*EXERCISE GOAL*.
Scan the records beneath this line for the line holding "#33=IFCINDEXEDPOLYGONALFACE((1,3,7,5));" and the line holding "#37=IFCINDEXEDPOLYGONALFACE((5,7,8,6));", then transcribe exactly those two and all lines between.

*THE RECORDS*.
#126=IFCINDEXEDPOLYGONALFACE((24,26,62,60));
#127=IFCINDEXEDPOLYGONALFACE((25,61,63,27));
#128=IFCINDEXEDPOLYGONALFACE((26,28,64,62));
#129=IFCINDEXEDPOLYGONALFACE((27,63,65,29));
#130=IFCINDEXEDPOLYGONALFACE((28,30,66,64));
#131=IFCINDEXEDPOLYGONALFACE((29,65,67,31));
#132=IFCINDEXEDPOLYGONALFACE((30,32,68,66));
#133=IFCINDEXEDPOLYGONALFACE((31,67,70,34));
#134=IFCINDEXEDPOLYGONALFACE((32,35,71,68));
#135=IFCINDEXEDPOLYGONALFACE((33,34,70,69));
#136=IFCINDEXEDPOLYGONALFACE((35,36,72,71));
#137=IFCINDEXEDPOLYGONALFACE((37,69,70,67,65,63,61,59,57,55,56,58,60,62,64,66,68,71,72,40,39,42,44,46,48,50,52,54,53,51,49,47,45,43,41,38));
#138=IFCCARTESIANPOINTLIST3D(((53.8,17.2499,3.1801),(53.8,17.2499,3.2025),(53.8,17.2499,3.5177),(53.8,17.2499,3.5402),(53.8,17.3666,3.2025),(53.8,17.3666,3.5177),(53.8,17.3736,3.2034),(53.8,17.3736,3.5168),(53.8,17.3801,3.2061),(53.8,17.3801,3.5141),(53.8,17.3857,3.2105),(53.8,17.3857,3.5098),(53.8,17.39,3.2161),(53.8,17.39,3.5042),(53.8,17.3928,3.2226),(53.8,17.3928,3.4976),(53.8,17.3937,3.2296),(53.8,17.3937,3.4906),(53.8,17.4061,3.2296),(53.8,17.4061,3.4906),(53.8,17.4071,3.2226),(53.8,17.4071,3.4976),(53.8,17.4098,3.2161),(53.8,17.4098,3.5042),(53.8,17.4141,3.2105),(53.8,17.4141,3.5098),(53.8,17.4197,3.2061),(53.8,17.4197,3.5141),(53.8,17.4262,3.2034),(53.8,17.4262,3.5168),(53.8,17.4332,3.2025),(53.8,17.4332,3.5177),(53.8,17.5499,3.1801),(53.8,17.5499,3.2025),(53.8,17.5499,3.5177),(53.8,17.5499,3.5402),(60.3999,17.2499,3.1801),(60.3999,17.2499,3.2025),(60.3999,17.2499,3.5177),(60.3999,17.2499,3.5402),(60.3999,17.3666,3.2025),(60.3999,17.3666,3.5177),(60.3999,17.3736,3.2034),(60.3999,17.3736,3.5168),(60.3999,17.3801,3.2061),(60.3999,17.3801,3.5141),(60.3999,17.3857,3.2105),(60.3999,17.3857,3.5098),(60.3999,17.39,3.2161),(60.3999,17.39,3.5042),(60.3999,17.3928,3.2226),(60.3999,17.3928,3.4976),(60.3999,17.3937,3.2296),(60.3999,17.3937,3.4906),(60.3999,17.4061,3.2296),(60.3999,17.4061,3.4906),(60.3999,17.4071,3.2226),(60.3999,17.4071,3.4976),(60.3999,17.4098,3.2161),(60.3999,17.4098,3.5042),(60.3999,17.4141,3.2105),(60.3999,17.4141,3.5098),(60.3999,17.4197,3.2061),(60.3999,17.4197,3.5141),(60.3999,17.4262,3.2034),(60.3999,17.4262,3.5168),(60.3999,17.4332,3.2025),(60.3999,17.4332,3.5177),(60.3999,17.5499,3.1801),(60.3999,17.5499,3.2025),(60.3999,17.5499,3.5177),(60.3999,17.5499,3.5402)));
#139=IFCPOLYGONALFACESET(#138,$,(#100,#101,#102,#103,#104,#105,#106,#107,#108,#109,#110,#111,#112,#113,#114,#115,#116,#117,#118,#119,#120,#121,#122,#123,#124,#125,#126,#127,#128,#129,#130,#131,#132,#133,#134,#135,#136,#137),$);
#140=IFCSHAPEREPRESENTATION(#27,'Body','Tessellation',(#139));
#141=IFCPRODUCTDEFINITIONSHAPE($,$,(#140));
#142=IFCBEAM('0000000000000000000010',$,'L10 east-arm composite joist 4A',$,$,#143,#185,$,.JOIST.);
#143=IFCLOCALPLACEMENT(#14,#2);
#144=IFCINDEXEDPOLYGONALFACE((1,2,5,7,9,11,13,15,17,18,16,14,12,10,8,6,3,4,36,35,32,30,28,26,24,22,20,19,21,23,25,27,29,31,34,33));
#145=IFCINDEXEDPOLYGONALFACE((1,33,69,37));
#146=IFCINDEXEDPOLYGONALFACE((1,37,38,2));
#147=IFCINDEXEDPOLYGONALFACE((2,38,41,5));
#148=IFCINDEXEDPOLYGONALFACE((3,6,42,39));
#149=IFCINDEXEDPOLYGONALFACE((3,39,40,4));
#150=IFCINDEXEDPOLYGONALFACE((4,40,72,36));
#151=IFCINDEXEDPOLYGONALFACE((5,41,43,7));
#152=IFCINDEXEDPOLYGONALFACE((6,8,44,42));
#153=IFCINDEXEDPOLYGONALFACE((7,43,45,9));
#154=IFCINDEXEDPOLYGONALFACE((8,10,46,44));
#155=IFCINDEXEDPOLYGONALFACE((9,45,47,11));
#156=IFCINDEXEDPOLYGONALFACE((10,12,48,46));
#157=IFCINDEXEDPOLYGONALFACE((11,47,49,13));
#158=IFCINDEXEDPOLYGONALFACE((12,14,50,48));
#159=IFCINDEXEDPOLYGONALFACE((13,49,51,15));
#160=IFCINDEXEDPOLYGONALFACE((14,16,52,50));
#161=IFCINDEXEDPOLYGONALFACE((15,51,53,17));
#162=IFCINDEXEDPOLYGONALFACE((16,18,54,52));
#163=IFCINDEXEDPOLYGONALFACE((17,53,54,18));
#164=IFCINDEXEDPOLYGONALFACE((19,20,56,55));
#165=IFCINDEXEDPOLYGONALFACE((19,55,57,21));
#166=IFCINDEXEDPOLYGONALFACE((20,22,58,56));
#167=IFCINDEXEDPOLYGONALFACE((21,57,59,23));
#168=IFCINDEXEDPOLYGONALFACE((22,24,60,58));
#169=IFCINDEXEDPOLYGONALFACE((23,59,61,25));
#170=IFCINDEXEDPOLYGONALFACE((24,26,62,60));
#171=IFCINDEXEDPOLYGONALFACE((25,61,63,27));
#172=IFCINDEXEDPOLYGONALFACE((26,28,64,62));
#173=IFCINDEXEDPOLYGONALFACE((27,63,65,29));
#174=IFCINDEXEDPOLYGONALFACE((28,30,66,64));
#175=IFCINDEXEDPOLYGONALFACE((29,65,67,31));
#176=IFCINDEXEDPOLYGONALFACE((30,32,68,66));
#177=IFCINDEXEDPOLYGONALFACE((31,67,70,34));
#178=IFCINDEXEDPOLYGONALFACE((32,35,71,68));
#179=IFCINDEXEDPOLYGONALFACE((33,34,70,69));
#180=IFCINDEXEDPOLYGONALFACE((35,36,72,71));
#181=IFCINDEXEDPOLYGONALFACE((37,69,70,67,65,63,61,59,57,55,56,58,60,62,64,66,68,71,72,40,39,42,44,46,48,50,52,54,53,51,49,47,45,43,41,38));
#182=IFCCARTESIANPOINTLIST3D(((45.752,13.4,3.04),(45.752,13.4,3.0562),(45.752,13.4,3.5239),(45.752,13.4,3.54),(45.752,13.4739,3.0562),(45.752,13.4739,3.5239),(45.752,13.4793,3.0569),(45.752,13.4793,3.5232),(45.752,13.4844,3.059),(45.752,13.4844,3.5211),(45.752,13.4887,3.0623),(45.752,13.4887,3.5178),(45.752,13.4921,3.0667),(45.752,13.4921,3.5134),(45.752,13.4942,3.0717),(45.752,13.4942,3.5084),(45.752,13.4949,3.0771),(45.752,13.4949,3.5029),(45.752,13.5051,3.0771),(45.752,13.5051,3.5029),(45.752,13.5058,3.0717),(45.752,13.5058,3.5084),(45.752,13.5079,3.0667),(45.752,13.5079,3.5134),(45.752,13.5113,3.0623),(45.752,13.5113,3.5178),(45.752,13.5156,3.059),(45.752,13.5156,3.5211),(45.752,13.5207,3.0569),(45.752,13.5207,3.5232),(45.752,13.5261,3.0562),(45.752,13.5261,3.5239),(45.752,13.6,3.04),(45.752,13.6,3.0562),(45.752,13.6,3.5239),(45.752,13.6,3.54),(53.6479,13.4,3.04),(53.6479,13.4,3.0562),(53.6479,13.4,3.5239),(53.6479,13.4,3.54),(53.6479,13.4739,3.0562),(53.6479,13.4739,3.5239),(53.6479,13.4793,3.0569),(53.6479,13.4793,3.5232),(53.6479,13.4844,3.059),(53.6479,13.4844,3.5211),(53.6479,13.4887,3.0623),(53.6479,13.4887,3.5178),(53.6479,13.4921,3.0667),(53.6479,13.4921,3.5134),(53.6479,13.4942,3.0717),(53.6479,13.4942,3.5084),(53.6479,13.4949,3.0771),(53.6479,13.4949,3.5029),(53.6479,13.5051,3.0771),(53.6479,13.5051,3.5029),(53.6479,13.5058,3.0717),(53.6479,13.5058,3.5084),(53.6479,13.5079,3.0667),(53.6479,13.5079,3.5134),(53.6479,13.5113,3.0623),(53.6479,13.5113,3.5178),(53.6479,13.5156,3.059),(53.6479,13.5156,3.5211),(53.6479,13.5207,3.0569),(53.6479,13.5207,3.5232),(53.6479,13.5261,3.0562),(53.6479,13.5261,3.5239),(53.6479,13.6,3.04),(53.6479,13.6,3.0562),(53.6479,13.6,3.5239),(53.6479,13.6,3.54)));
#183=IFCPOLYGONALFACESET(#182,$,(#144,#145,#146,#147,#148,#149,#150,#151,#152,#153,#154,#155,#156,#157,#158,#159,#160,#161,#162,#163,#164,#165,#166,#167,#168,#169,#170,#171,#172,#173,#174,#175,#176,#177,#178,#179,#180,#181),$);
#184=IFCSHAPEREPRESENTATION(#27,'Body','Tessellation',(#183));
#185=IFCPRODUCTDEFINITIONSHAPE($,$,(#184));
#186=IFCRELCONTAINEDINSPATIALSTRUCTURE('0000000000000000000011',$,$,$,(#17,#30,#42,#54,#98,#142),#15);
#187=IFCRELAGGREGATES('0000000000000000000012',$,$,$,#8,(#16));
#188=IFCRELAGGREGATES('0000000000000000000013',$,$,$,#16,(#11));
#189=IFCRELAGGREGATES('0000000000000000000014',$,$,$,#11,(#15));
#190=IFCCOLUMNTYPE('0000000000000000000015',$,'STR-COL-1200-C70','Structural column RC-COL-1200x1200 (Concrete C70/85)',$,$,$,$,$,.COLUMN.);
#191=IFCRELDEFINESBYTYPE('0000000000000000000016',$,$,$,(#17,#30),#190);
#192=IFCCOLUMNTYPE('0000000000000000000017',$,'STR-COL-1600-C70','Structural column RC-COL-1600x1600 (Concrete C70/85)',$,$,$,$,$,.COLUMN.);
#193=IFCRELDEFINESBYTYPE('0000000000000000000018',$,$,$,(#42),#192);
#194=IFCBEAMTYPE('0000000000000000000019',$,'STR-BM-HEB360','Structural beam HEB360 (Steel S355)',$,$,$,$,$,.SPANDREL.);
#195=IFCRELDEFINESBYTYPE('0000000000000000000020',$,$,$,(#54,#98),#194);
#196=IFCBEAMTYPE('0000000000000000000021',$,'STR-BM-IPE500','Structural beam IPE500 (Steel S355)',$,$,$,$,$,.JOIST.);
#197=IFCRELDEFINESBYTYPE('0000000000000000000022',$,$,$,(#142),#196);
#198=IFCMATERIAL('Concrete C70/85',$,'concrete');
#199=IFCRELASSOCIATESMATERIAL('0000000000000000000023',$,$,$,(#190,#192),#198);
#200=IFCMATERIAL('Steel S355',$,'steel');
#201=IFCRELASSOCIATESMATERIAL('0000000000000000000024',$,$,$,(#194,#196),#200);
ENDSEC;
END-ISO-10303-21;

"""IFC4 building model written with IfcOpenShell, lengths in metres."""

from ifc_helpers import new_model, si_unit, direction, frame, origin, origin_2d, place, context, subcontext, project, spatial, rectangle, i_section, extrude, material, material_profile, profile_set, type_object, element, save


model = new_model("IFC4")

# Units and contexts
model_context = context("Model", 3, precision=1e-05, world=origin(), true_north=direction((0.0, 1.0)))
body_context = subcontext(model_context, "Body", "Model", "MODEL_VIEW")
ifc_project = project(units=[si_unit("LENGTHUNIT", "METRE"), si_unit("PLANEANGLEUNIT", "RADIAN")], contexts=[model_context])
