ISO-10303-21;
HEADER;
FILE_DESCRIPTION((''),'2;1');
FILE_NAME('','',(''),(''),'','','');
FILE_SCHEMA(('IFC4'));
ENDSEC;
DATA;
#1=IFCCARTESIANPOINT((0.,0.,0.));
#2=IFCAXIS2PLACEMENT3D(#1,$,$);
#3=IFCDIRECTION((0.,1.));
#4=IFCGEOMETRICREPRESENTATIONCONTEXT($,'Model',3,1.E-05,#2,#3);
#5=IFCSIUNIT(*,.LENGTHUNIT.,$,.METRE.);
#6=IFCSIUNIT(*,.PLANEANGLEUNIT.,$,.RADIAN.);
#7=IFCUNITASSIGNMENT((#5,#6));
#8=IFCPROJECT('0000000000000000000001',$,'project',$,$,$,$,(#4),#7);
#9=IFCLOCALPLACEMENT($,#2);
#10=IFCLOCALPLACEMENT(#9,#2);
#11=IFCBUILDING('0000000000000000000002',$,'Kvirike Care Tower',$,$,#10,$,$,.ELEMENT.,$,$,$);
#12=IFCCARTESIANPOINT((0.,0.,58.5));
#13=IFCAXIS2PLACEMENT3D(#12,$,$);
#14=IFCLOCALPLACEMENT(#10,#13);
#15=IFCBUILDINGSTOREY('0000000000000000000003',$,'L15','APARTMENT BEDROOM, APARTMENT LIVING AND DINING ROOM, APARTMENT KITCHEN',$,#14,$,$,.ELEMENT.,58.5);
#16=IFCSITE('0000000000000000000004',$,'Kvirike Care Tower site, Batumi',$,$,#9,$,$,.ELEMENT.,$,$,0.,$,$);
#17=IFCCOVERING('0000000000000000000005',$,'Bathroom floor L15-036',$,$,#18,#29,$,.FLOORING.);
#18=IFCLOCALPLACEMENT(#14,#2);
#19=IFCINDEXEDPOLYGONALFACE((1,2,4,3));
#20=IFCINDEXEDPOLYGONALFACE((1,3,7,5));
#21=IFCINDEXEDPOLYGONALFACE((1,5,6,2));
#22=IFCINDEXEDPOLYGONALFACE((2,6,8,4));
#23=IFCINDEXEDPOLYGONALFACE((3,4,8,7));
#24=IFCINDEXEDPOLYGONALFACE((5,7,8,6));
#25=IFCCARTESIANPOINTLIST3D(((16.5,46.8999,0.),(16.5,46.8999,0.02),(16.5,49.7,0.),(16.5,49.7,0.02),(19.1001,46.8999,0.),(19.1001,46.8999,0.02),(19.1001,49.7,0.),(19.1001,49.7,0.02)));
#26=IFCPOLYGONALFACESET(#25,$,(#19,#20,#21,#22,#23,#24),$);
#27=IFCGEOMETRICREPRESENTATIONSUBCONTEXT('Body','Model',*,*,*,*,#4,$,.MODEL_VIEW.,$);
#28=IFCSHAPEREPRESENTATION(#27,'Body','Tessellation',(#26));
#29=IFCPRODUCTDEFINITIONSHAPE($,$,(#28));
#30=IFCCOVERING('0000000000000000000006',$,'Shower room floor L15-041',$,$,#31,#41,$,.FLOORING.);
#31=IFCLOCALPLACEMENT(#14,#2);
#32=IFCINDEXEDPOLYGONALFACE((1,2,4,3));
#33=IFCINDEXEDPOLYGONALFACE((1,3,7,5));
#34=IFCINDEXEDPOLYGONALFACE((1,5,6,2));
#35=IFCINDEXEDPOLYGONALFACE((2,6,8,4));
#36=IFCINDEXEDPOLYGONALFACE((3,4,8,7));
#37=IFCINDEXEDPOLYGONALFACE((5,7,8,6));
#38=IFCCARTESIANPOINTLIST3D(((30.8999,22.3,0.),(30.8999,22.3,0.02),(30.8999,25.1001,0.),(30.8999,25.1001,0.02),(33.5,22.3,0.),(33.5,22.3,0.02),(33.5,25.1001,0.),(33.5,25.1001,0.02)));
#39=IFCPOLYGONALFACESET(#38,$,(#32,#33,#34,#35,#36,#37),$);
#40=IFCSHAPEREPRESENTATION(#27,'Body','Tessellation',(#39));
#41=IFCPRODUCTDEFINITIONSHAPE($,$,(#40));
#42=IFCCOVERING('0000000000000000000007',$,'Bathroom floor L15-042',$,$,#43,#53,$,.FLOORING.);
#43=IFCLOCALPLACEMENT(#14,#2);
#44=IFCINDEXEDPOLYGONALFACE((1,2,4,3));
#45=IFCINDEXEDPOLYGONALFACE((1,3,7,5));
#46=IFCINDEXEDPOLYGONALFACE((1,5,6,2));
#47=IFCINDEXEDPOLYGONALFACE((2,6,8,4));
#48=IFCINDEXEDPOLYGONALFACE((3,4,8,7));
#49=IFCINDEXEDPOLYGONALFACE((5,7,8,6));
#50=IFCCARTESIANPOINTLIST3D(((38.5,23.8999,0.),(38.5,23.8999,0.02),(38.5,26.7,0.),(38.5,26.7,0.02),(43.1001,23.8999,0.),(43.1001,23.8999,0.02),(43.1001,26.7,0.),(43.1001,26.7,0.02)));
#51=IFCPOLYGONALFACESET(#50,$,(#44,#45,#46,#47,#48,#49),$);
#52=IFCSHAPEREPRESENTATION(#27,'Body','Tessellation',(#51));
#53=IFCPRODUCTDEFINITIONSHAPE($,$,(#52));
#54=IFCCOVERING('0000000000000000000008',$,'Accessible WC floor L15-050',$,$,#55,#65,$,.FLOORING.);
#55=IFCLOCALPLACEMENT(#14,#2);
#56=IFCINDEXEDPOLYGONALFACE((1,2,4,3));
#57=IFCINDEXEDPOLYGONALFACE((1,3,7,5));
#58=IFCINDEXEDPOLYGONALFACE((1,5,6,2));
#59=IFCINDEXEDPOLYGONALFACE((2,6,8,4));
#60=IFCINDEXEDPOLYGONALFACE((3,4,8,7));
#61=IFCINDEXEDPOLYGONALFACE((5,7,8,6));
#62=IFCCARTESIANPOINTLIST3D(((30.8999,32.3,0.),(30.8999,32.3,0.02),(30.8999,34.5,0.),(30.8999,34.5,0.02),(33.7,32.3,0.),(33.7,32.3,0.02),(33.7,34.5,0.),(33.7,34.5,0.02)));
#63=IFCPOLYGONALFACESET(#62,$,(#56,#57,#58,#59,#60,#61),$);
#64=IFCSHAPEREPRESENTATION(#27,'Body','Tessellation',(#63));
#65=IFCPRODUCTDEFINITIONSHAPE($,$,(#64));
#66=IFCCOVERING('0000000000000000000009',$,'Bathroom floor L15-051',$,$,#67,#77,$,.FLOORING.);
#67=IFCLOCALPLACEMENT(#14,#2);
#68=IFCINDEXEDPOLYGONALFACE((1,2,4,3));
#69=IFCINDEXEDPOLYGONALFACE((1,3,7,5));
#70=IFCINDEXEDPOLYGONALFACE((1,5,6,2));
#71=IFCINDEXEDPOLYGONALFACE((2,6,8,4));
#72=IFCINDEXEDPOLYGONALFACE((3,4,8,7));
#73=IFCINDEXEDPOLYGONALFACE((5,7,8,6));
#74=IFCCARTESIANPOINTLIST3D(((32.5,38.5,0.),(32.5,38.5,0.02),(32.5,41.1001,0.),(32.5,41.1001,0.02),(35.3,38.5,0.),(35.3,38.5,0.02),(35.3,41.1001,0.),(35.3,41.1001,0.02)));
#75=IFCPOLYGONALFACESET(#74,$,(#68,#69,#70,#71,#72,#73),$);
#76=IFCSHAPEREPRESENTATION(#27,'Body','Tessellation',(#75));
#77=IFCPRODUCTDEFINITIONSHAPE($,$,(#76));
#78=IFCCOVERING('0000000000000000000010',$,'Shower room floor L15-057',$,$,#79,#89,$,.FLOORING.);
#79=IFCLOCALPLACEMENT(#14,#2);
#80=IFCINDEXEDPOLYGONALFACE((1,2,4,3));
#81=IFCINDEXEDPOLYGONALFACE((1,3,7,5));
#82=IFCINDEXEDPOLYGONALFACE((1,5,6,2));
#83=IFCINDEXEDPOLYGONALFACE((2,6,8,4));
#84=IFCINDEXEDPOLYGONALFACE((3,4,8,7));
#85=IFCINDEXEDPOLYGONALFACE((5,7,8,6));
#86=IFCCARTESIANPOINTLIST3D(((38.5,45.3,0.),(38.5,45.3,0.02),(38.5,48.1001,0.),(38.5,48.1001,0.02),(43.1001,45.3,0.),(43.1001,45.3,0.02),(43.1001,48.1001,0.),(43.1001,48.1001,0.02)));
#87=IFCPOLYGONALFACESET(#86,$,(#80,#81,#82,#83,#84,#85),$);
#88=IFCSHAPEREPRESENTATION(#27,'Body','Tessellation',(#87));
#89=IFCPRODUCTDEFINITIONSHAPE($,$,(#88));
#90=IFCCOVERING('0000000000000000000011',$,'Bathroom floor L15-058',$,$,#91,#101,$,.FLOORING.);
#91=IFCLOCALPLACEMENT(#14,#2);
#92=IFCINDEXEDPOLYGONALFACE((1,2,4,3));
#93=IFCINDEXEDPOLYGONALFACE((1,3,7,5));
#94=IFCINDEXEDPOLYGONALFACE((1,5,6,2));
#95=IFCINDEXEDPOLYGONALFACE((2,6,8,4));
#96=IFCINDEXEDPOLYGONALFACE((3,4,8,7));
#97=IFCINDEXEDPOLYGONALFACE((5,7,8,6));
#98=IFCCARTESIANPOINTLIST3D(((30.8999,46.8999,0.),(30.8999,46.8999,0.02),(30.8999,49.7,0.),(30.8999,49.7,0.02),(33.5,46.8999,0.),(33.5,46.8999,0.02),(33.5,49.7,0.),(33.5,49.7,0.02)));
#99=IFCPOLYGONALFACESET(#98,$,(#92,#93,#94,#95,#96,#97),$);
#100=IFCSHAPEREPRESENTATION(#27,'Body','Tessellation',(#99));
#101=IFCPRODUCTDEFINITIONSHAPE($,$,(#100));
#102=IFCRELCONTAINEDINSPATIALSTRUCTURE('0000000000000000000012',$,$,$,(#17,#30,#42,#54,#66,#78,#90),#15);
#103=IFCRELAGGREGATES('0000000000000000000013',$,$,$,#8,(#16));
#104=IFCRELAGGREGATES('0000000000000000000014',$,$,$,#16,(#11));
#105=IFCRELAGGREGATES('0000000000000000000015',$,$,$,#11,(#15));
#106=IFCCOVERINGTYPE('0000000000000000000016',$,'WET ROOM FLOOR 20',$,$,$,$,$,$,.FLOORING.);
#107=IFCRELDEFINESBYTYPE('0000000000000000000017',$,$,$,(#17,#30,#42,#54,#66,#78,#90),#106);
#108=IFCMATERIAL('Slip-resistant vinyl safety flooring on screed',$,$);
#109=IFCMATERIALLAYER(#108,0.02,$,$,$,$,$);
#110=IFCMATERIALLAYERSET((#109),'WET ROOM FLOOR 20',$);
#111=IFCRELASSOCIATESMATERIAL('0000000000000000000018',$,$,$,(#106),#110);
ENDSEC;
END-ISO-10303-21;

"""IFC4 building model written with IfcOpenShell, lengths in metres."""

from ifc_helpers import new_model, si_unit, direction, frame, origin, place, context, subcontext, project, spatial, polyline, outline, extrude, material, layer, layer_set, type_object, element, save


model = new_model("IFC4")

# Units and contexts
model_context = context("Model", 3, precision=1e-05, world=origin(), true_north=direction((0.0, 1.0)))
body_context = subcontext(model_context, "Body", "Model", "MODEL_VIEW")
ifc_project = project(units=[si_unit("LENGTHUNIT", "METRE"), si_unit("PLANEANGLEUNIT", "RADIAN")], contexts=[model_context])

# Site, building, storey
site_placement = place(None, origin())
site = spatial("IfcSite", under=ifc_project, at=site_placement, Name="Kvirike Care Tower site, Batumi", CompositionType="ELEMENT", RefElevation=0.0)
building_placement = place(site_placement, origin())
building = spatial("IfcBuilding", under=site, at=building_placement, Name="Kvirike Care Tower", CompositionType="ELEMENT")
storey_placement = place(building_placement, frame((0.0, 0.0, 58.5)))
storey = spatial("IfcBuildingStorey", under=building, at=storey_placement, Name="L15", Description="APARTMENT BEDROOM, APARTMENT LIVING AND DINING ROOM, APARTMENT KITCHEN", CompositionType="ELEMENT", Elevation=58.5)

# Coverings
ifc_material_1 = material(Name="Slip-resistant vinyl safety flooring on screed")
ifc_layer_1 = layer(ifc_material_1, 0.02)
ifc_layer_set_1 = layer_set([ifc_layer_1], Name="WET ROOM FLOOR 20")
covering_type = type_object("IfcCoveringType", Name="WET ROOM FLOOR 20", PredefinedType="FLOORING", material=ifc_layer_set_1)
covering_1_placement = place(storey_placement, origin())
element("IfcCovering", 1, at=covering_1_placement, inside=storey, type_object=covering_type, Name="Bathroom floor L15-036", PredefinedType="FLOORING", context=body_context, shape_type="SweptSolid", body=[
    extrude(outline(polyline([(19.1001, 49.7), (19.1001, 46.8999), (16.5, 46.8999), (16.5, 49.7), (19.1001, 49.7)])), origin(), (0.0, 0.0, 1.0), 0.02),
])
covering_2_placement = place(storey_placement, origin())
element("IfcCovering", 2, at=covering_2_placement, inside=storey, type_object=covering_type, Name="Shower room floor L15-041", PredefinedType="FLOORING", context=body_context, shape_type="SweptSolid", body=[
    extrude(outline(polyline([(30.8999, 22.3), (30.8999, 25.1001), (33.5, 25.1001), (33.5, 22.3), (30.8999, 22.3)])), origin(), (0.0, 0.0, 1.0), 0.02),
])
covering_3_placement = place(storey_placement, origin())
element("IfcCovering", 3, at=covering_3_placement, inside=storey, type_object=covering_type, Name="Bathroom floor L15-042", PredefinedType="FLOORING", context=body_context, shape_type="SweptSolid", body=[
    extrude(outline(polyline([(38.5, 23.8999), (38.5, 26.7), (43.1001, 26.7), (43.1001, 23.8999), (38.5, 23.8999)])), origin(), (0.0, 0.0, 1.0), 0.02),
])
covering_4_placement = place(storey_placement, origin())
element("IfcCovering", 4, at=covering_4_placement, inside=storey, type_object=covering_type, Name="Accessible WC floor L15-050", PredefinedType="FLOORING", context=body_context, shape_type="SweptSolid", body=[
    extrude(outline(polyline([(33.7, 32.3), (30.8999, 32.3), (30.8999, 34.5), (33.7, 34.5), (33.7, 32.3)])), origin(), (0.0, 0.0, 1.0), 0.02),
])
covering_5_placement = place(storey_placement, origin())
element("IfcCovering", 5, at=covering_5_placement, inside=storey, type_object=covering_type, Name="Bathroom floor L15-051", PredefinedType="FLOORING", context=body_context, shape_type="SweptSolid", body=[
    extrude(outline(polyline([(35.3, 38.5), (32.5, 38.5), (32.5, 41.1001), (35.3, 41.1001), (35.3, 38.5)])), origin(), (0.0, 0.0, 1.0), 0.02),
])
covering_6_placement = place(storey_placement, origin())
element("IfcCovering", 6, at=covering_6_placement, inside=storey, type_object=covering_type, Name="Shower room floor L15-057", PredefinedType="FLOORING", context=body_context, shape_type="SweptSolid", body=[
    extrude(outline(polyline([(43.1001, 48.1001), (43.1001, 45.3), (38.5, 45.3), (38.5, 48.1001), (43.1001, 48.1001)])), origin(), (0.0, 0.0, 1.0), 0.02),
])
covering_7_placement = place(storey_placement, origin())
element("IfcCovering", 7, at=covering_7_placement, inside=storey, type_object=covering_type, Name="Bathroom floor L15-058", PredefinedType="FLOORING", context=body_context, shape_type="SweptSolid", body=[
    extrude(outline(polyline([(33.5, 49.7), (33.5, 46.8999), (30.8999, 46.8999), (30.8999, 49.7), (33.5, 49.7)])), origin(), (0.0, 0.0, 1.0), 0.02),
])

save(model, "model.ifc")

*SOLUTION*.
#33=IFCINDEXEDPOLYGONALFACE((1,3,7,5));
#34=IFCINDEXEDPOLYGONALFACE((1,5,6,2));
#35=IFCINDEXEDPOLYGONALFACE((2,6,8,4));
#36=IFCINDEXEDPOLYGONALFACE((3,4,8,7));
#37=IFCINDEXEDPOLYGONALFACE((5,7,8,6));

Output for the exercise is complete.